Description of the task
Please return all lines of the data below containing the string "Stainless".

Stored data
:::::

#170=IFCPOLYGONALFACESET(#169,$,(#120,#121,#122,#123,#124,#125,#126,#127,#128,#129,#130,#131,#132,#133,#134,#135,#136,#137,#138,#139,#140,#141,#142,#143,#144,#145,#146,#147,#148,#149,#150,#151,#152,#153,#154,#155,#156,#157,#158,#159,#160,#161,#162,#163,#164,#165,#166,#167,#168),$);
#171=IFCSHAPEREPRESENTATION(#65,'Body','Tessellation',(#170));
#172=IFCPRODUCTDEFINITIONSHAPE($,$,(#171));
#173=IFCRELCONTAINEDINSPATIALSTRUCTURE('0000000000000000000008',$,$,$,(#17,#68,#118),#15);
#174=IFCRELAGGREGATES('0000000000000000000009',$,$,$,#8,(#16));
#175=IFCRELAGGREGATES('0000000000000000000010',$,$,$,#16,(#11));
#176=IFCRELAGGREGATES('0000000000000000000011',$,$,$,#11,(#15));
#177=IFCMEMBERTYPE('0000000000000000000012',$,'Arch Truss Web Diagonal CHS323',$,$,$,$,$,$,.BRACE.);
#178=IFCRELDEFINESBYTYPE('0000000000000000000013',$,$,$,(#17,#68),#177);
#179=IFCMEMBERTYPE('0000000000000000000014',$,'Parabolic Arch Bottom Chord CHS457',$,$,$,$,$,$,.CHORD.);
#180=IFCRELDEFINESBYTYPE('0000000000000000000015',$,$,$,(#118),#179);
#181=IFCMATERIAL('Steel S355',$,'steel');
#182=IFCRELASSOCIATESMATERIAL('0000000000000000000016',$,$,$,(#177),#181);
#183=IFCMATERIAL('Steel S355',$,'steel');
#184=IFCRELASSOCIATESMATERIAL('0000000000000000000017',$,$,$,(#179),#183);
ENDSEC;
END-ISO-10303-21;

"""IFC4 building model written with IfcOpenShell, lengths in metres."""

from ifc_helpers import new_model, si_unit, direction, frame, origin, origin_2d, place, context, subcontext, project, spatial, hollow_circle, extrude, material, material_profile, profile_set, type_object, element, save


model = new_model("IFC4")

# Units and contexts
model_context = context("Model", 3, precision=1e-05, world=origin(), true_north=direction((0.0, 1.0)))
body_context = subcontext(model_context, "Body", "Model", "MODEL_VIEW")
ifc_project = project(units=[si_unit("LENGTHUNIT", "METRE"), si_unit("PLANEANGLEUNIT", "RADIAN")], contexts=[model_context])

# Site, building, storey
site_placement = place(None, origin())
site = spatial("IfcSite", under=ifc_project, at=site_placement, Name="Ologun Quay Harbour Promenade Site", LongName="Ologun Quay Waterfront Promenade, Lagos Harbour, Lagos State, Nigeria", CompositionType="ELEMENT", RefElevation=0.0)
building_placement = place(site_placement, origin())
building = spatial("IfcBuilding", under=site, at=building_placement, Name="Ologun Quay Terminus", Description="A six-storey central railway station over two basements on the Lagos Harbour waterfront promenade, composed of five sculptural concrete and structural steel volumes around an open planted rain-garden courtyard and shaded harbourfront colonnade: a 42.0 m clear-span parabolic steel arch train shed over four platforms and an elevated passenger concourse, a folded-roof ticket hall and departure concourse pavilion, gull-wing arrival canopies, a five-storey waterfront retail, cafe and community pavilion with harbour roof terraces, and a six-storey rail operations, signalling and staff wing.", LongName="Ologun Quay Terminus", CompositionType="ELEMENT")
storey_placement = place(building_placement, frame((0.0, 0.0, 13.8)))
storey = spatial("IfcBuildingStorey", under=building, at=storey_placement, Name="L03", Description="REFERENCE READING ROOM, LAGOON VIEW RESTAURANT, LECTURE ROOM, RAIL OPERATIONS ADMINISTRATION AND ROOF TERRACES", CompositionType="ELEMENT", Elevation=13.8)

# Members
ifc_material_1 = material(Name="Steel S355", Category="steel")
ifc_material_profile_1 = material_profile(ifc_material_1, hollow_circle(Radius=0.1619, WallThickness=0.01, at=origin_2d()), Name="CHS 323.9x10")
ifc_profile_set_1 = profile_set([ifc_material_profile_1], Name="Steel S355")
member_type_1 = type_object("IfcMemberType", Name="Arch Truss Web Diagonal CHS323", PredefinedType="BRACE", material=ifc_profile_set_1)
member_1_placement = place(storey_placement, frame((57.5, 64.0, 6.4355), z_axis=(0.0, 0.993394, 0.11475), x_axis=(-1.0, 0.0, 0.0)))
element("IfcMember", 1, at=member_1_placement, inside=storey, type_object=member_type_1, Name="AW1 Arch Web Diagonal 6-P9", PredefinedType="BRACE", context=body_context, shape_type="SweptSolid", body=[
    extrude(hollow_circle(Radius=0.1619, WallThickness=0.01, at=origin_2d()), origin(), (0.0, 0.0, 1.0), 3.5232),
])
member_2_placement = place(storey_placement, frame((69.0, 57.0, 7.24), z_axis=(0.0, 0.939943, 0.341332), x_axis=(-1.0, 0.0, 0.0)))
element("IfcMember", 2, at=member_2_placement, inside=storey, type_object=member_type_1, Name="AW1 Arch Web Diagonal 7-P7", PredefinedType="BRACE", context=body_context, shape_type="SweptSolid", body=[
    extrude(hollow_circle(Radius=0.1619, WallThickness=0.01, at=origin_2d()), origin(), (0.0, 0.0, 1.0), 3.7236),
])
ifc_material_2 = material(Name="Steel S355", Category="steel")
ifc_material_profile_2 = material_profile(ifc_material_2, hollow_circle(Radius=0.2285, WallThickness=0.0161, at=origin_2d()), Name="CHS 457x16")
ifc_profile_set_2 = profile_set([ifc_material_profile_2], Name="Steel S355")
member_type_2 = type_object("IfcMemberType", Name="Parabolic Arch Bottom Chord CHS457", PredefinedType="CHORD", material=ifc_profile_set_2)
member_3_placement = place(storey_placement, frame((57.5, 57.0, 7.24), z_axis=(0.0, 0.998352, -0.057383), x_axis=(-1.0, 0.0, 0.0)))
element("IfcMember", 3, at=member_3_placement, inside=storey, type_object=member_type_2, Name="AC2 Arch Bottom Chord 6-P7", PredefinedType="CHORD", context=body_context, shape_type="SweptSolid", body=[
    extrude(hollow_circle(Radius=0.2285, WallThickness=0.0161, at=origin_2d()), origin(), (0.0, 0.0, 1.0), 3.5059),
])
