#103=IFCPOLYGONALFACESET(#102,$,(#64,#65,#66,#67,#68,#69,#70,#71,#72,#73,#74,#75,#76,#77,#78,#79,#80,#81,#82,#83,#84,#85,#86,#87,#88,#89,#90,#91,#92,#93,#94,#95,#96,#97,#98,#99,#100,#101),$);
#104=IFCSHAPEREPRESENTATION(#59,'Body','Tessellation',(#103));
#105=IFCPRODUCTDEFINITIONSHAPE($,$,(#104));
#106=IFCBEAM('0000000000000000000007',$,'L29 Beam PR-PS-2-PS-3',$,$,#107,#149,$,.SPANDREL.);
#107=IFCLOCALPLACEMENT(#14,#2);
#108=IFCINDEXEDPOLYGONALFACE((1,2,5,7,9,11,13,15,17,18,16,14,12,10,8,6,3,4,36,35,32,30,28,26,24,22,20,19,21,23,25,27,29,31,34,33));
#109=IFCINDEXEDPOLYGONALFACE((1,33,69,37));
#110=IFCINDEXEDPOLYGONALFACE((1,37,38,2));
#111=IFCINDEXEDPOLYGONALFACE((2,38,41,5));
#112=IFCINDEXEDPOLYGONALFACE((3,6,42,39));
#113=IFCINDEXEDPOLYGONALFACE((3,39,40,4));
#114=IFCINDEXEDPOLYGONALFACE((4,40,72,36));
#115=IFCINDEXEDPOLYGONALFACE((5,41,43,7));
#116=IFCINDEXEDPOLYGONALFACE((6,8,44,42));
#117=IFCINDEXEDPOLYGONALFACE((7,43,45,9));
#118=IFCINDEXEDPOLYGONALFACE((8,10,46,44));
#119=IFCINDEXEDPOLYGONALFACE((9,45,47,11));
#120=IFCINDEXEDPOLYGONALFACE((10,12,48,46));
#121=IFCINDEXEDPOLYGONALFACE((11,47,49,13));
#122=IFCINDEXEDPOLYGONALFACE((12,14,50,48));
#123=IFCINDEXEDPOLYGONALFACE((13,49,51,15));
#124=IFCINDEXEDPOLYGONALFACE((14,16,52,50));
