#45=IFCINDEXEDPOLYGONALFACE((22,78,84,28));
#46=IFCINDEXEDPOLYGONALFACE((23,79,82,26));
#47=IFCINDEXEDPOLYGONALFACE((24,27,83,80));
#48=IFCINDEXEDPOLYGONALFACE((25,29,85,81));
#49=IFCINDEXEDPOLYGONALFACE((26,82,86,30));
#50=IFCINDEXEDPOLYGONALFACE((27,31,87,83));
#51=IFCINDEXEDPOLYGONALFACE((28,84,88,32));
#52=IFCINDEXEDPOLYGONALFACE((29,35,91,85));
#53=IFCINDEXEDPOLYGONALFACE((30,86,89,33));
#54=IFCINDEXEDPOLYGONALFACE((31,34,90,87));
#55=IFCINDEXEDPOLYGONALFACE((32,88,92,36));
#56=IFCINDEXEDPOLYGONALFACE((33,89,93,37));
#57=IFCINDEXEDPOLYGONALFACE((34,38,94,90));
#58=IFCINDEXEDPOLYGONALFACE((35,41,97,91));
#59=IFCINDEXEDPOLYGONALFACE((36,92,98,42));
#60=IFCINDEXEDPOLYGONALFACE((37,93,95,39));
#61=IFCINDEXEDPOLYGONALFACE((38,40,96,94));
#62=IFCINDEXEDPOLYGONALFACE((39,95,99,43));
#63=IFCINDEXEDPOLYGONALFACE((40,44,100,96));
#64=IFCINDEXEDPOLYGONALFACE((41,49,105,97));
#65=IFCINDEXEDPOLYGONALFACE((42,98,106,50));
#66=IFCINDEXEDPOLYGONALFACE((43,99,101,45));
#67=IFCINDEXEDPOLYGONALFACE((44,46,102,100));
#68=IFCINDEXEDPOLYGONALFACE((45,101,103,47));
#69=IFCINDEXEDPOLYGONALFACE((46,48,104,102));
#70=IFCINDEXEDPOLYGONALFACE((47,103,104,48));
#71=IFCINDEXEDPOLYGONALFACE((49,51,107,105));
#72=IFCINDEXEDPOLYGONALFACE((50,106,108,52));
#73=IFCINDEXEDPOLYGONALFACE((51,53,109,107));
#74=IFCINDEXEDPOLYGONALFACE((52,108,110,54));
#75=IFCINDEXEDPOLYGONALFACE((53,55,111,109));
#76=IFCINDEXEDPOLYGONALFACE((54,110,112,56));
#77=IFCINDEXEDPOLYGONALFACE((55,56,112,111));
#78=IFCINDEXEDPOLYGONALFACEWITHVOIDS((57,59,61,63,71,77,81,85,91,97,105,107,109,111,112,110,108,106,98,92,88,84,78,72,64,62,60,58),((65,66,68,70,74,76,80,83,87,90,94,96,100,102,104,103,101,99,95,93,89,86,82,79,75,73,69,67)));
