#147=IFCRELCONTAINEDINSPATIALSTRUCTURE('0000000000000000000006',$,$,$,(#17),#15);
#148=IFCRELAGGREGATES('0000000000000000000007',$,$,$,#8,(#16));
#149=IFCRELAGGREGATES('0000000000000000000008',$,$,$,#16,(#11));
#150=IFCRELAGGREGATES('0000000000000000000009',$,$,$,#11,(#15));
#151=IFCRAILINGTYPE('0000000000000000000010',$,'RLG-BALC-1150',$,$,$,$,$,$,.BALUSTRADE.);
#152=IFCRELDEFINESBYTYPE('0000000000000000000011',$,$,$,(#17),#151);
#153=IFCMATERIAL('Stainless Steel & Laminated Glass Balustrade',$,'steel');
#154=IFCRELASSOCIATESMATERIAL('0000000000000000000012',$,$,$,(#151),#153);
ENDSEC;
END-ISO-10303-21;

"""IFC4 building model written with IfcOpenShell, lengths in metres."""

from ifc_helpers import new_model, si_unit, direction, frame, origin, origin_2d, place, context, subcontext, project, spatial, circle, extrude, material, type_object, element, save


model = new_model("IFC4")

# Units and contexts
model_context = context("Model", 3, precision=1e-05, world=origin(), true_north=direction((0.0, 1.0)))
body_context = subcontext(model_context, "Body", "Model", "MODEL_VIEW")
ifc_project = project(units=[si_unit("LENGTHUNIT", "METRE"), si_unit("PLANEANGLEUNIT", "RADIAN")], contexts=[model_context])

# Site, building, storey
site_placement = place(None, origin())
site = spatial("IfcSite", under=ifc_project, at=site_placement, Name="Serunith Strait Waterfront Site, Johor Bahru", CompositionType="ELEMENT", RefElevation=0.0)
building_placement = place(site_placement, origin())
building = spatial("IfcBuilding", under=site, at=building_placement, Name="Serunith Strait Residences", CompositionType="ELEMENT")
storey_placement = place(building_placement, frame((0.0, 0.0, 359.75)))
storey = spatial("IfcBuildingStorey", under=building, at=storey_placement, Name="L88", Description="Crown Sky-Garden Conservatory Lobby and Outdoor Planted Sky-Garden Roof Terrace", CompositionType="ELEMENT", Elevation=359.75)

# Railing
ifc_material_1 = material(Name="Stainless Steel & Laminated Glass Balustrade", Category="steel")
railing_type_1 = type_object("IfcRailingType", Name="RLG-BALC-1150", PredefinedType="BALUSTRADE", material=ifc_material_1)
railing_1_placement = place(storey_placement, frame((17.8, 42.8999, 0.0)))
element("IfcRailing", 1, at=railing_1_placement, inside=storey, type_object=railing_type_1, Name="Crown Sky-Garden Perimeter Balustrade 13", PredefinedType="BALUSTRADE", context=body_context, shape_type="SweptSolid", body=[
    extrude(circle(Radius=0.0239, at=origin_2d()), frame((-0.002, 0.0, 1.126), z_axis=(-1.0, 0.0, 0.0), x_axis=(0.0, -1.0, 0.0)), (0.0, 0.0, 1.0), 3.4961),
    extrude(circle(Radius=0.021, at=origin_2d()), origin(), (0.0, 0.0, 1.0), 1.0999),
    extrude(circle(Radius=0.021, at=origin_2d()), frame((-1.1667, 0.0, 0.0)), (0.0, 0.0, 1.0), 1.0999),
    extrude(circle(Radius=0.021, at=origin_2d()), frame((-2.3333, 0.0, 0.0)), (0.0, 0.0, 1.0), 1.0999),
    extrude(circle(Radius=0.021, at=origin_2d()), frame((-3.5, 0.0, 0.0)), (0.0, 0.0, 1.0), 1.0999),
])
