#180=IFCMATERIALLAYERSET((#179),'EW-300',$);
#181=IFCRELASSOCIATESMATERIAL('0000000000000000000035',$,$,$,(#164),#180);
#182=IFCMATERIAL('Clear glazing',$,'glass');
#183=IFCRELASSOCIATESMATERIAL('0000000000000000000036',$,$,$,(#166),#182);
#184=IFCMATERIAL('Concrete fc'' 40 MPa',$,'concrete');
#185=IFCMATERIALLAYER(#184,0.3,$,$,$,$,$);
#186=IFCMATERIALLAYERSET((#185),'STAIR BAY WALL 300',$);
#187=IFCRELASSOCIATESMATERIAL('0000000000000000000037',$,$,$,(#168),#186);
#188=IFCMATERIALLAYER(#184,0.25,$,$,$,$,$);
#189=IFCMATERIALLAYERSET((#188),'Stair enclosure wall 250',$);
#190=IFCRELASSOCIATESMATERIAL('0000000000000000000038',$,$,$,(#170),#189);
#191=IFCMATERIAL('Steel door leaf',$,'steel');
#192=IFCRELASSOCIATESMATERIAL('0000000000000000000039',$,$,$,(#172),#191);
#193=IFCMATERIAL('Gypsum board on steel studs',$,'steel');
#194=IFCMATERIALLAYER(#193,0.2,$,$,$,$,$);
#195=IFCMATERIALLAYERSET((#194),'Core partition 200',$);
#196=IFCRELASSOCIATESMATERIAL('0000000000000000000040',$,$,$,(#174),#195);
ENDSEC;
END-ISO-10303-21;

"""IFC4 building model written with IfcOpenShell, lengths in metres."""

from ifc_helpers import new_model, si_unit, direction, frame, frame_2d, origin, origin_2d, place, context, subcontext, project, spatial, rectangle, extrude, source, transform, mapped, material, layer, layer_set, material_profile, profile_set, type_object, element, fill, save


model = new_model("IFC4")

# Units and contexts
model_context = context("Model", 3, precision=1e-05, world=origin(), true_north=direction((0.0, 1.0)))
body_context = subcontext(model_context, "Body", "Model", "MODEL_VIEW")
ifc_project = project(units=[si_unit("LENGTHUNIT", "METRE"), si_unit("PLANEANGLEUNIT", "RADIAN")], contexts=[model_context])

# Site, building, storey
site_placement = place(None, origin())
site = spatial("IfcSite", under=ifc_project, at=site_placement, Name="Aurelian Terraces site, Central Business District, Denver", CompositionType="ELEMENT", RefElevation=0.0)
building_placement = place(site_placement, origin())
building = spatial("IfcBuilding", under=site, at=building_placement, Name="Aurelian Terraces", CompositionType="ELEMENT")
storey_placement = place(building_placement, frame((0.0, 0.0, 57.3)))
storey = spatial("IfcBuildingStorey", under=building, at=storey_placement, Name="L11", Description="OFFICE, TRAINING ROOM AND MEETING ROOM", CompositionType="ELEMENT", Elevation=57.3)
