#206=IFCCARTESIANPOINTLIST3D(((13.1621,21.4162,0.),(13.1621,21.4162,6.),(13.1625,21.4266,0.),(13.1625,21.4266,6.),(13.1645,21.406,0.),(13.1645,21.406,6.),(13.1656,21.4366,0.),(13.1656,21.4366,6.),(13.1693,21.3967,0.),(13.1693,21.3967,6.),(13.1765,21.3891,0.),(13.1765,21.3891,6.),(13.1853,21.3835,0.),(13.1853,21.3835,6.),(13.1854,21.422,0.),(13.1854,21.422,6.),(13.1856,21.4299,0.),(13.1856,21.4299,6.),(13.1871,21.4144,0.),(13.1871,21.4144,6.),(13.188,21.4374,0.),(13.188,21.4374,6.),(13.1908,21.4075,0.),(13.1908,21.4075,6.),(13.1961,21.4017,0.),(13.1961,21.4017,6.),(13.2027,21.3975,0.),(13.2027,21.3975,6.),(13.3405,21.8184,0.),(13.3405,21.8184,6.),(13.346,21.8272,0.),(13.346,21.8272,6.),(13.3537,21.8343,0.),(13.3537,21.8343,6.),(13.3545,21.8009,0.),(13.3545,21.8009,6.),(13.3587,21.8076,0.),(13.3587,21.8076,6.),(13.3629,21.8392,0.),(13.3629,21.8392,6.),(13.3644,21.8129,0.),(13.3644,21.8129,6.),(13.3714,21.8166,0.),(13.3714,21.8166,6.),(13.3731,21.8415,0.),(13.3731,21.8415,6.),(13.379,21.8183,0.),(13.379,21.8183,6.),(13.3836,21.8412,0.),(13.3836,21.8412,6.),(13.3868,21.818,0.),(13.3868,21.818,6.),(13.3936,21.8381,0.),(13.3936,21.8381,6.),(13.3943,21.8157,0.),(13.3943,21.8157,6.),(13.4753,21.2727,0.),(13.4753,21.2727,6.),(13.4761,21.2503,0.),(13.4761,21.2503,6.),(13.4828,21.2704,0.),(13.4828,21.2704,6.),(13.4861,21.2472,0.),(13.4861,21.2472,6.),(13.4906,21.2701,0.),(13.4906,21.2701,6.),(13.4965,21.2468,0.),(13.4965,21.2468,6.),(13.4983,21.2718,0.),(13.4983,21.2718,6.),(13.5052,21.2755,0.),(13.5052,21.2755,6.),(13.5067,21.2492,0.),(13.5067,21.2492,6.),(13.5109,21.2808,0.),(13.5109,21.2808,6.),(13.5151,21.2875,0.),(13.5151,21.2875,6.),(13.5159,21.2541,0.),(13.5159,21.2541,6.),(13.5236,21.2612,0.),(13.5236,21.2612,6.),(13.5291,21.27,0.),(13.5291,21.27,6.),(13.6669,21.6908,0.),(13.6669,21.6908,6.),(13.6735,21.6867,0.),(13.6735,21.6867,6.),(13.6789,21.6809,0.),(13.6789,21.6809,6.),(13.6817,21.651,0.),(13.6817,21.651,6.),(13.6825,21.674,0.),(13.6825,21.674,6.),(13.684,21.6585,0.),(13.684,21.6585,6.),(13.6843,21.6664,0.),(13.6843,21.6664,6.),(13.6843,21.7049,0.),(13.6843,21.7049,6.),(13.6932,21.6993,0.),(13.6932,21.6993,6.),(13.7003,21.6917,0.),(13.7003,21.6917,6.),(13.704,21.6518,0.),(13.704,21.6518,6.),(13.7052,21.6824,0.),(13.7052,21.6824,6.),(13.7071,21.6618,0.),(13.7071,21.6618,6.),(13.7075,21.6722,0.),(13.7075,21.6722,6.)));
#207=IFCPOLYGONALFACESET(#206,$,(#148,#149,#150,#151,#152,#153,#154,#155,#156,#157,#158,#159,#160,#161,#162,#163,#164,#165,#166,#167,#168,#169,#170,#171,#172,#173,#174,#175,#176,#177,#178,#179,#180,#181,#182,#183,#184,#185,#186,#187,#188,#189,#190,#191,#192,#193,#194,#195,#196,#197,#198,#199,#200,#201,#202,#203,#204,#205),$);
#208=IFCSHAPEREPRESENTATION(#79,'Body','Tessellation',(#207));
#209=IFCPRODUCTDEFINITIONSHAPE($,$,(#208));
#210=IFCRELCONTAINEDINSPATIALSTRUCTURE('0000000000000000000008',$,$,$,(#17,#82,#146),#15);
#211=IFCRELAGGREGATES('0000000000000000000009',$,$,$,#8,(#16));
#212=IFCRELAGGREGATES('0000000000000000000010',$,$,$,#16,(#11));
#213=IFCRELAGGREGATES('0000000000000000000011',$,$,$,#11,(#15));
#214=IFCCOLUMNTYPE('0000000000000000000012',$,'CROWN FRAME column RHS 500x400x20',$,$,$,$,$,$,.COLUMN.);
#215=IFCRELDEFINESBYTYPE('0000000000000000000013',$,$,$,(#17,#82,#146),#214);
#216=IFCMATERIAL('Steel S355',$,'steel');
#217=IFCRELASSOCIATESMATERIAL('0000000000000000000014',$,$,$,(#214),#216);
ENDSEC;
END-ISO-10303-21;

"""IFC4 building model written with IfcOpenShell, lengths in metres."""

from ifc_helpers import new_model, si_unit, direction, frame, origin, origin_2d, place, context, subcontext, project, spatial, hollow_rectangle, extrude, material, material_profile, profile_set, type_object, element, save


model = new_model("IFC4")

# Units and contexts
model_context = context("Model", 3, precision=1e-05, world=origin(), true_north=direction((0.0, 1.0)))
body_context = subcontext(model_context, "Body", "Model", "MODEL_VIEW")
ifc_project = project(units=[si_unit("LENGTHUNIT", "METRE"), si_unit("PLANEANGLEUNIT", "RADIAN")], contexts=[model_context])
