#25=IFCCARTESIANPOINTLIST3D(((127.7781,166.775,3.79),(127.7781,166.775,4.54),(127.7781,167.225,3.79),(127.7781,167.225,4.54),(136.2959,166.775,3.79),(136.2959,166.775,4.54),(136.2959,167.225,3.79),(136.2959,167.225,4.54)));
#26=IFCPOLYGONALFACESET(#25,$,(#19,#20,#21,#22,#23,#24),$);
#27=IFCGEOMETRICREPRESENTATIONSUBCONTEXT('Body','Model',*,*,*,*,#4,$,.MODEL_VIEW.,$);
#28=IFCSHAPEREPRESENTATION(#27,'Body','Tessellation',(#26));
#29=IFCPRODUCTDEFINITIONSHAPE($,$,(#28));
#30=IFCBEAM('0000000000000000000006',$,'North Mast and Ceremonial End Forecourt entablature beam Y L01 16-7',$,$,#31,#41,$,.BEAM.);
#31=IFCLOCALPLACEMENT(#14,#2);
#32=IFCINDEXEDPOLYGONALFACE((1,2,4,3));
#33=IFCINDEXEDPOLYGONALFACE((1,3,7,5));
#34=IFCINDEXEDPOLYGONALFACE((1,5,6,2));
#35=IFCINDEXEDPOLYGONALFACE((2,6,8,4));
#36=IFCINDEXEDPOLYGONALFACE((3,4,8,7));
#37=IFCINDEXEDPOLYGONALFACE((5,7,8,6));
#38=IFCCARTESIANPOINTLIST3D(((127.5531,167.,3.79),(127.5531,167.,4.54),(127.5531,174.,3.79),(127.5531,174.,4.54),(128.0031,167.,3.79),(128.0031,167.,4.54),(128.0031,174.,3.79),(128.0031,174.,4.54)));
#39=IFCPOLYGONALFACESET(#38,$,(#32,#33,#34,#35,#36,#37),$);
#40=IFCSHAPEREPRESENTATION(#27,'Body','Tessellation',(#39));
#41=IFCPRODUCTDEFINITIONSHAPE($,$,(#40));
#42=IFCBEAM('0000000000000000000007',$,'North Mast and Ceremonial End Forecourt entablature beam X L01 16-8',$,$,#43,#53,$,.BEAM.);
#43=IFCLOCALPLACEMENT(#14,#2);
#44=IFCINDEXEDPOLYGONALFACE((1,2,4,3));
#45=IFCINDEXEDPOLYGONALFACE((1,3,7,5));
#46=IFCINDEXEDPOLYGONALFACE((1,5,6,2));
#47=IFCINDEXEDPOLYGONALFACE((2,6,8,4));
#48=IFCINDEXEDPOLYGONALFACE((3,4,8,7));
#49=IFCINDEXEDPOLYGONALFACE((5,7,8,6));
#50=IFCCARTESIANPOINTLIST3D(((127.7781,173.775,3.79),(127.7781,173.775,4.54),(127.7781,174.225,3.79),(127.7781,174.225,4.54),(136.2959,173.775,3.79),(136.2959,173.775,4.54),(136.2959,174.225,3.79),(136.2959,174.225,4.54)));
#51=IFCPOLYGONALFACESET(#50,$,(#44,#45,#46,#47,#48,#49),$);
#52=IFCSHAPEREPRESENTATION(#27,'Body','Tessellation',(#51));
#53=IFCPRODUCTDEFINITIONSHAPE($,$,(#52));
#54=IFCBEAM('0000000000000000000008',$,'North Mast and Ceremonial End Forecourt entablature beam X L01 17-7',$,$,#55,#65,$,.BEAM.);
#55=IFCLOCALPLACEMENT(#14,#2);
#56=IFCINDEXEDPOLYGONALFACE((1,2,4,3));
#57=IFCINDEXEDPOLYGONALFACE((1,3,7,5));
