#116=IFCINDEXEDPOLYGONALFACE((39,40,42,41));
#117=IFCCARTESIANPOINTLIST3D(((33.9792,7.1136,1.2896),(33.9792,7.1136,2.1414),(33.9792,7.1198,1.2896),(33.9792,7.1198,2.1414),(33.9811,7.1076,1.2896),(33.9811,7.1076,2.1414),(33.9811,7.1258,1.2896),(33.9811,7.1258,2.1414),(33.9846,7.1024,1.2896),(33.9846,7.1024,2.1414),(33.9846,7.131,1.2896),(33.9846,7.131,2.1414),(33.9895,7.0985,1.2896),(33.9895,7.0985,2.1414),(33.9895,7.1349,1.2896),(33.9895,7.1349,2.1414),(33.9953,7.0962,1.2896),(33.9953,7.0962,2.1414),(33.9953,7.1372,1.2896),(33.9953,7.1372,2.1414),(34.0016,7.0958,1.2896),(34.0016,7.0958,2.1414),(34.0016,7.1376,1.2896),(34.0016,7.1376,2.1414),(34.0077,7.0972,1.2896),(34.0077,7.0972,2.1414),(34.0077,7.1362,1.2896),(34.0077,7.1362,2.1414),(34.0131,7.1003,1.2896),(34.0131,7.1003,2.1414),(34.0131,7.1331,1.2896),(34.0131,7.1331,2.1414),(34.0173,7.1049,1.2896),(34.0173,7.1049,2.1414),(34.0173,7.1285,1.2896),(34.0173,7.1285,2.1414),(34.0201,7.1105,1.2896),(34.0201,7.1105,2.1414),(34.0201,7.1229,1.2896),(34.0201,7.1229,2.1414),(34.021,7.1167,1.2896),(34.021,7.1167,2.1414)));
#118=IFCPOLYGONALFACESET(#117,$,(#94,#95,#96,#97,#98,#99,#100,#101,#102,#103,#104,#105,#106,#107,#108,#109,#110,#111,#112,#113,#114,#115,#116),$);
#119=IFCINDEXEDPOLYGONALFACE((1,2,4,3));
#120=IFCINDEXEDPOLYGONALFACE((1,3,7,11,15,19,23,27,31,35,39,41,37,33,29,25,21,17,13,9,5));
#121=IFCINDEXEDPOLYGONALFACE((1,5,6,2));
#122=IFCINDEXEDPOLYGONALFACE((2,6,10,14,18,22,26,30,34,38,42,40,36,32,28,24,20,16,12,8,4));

:::::

Task output
#153=IFCMATERIAL('Stainless Steel & Laminated Glass Balustrade',$,'steel');
ifc_material_1 = material(Name="Stainless Steel & Laminated Glass Balustrade", Category="steel")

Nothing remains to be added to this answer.